Work to be completed - What is needed is an exact retyping of the records below, from the first line through the line that contains "#147=IFCMATERIALLAYER(#146,0.3999,$,$,$,$,$);".

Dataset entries
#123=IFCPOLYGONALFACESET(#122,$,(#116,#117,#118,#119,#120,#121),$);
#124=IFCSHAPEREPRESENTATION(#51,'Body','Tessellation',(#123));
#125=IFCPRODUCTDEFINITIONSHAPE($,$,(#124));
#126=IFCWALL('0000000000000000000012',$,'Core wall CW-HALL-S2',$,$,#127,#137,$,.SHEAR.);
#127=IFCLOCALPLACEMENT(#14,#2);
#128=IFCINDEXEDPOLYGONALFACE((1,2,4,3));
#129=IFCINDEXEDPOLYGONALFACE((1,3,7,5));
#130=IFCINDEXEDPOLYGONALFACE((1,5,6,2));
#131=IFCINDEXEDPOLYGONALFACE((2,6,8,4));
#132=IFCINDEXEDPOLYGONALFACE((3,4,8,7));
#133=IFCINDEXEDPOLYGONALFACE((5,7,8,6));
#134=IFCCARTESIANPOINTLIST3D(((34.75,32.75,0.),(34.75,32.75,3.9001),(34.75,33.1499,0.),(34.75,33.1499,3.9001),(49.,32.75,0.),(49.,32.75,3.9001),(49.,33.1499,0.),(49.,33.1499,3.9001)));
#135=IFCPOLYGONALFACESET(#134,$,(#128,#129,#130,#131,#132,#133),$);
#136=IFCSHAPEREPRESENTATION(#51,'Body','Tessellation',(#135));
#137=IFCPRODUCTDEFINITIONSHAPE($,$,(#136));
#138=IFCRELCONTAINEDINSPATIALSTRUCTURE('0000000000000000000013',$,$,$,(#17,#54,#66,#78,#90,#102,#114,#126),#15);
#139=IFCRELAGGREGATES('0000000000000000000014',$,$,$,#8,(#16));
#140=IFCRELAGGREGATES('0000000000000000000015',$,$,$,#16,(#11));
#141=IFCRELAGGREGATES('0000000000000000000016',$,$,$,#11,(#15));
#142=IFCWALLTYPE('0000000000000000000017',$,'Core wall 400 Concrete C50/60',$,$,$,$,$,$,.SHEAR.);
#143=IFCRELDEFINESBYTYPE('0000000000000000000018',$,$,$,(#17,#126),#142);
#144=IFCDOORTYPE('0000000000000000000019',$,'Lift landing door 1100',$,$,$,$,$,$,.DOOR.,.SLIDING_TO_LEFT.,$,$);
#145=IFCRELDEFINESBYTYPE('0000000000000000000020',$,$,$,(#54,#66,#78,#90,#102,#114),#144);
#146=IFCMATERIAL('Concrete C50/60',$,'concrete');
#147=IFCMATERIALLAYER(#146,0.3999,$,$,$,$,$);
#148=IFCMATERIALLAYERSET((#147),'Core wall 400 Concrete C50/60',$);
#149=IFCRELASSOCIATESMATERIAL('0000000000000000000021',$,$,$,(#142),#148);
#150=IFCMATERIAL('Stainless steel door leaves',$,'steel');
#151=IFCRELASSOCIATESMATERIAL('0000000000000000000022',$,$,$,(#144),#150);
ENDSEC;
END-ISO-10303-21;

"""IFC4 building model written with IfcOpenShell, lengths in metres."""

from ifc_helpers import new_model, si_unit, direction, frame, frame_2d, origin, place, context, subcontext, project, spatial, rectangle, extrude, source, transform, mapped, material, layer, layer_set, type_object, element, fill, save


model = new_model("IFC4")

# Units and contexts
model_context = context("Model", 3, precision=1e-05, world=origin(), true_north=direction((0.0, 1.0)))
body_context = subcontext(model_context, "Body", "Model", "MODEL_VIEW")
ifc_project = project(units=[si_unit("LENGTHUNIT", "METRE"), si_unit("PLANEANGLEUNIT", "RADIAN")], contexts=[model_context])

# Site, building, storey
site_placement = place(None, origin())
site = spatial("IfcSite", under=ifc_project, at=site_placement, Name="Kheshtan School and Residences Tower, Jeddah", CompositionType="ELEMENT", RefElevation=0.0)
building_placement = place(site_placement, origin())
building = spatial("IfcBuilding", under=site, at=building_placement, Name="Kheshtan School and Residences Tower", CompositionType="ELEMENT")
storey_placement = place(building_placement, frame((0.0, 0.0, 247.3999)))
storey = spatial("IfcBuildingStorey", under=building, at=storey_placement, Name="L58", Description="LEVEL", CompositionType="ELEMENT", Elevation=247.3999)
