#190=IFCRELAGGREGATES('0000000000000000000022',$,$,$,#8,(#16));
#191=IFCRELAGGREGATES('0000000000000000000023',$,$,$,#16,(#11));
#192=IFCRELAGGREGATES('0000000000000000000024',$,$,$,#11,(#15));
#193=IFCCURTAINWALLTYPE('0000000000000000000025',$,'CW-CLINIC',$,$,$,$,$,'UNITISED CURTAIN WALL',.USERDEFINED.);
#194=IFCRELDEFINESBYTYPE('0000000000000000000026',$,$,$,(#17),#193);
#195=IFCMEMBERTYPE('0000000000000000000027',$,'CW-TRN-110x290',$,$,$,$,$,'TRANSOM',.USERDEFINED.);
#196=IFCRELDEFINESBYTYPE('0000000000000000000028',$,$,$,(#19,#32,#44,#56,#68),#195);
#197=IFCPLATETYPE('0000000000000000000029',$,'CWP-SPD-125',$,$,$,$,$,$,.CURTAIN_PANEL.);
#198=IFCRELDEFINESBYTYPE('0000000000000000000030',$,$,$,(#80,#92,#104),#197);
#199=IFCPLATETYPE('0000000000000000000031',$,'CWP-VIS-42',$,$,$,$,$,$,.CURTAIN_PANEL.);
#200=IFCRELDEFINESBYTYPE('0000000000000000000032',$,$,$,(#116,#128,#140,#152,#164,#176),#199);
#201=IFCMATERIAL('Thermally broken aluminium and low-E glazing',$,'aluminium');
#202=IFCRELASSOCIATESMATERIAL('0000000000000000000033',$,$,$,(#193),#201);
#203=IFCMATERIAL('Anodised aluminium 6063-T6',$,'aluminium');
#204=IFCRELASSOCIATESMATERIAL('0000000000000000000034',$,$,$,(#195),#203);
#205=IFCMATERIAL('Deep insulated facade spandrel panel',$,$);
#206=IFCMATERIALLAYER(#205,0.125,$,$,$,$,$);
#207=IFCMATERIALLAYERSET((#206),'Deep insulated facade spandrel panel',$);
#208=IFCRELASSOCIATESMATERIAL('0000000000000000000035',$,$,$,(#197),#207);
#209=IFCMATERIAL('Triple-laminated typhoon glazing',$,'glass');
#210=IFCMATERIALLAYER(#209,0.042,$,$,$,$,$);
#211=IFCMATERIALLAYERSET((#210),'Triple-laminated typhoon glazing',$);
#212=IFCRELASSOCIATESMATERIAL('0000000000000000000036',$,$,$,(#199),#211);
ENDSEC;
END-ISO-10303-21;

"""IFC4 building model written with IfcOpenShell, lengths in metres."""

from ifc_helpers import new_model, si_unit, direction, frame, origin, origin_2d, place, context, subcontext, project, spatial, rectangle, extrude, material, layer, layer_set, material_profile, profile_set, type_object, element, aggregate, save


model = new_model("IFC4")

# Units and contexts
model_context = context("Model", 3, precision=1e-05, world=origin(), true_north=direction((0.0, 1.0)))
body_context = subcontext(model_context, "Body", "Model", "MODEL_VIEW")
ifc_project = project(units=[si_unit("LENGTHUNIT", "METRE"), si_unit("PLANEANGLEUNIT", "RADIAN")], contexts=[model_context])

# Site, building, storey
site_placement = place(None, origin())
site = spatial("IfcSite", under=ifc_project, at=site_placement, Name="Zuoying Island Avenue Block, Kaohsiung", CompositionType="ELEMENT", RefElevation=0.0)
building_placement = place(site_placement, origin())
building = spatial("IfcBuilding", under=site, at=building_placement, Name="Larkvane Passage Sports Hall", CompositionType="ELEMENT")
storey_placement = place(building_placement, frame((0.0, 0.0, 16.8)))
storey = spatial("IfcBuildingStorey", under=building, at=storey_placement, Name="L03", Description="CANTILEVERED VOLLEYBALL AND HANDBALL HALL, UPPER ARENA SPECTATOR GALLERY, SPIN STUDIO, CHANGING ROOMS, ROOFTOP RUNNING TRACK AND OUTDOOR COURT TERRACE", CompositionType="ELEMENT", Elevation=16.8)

Answer to the exercise -
#123=IFCPOLYGONALFACESET(#122,$,(#116,#117,#118,#119,#120,#121),$);
#124=IFCSHAPEREPRESENTATION(#51,'Body','Tessellation',(#123));
#125=IFCPRODUCTDEFINITIONSHAPE($,$,(#124));
#126=IFCWALL('0000000000000000000012',$,'Core wall CW-HALL-S2',$,$,#127,#137,$,.SHEAR.);
#127=IFCLOCALPLACEMENT(#14,#2);
#128=IFCINDEXEDPOLYGONALFACE((1,2,4,3));
#129=IFCINDEXEDPOLYGONALFACE((1,3,7,5));
#130=IFCINDEXEDPOLYGONALFACE((1,5,6,2));
#131=IFCINDEXEDPOLYGONALFACE((2,6,8,4));
#132=IFCINDEXEDPOLYGONALFACE((3,4,8,7));
#133=IFCINDEXEDPOLYGONALFACE((5,7,8,6));
#134=IFCCARTESIANPOINTLIST3D(((34.75,32.75,0.),(34.75,32.75,3.9001),(34.75,33.1499,0.),(34.75,33.1499,3.9001),(49.,32.75,0.),(49.,32.75,3.9001),(49.,33.1499,0.),(49.,33.1499,3.9001)));
#135=IFCPOLYGONALFACESET(#134,$,(#128,#129,#130,#131,#132,#133),$);
#136=IFCSHAPEREPRESENTATION(#51,'Body','Tessellation',(#135));
#137=IFCPRODUCTDEFINITIONSHAPE($,$,(#136));
#138=IFCRELCONTAINEDINSPATIALSTRUCTURE('0000000000000000000013',$,$,$,(#17,#54,#66,#78,#90,#102,#114,#126),#15);
#139=IFCRELAGGREGATES('0000000000000000000014',$,$,$,#8,(#16));
#140=IFCRELAGGREGATES('0000000000000000000015',$,$,$,#16,(#11));
#141=IFCRELAGGREGATES('0000000000000000000016',$,$,$,#11,(#15));
#142=IFCWALLTYPE('0000000000000000000017',$,'Core wall 400 Concrete C50/60',$,$,$,$,$,$,.SHEAR.);
#143=IFCRELDEFINESBYTYPE('0000000000000000000018',$,$,$,(#17,#126),#142);
#144=IFCDOORTYPE('0000000000000000000019',$,'Lift landing door 1100',$,$,$,$,$,$,.DOOR.,.SLIDING_TO_LEFT.,$,$);
#145=IFCRELDEFINESBYTYPE('0000000000000000000020',$,$,$,(#54,#66,#78,#90,#102,#114),#144);
#146=IFCMATERIAL('Concrete C50/60',$,'concrete');
#147=IFCMATERIALLAYER(#146,0.3999,$,$,$,$,$);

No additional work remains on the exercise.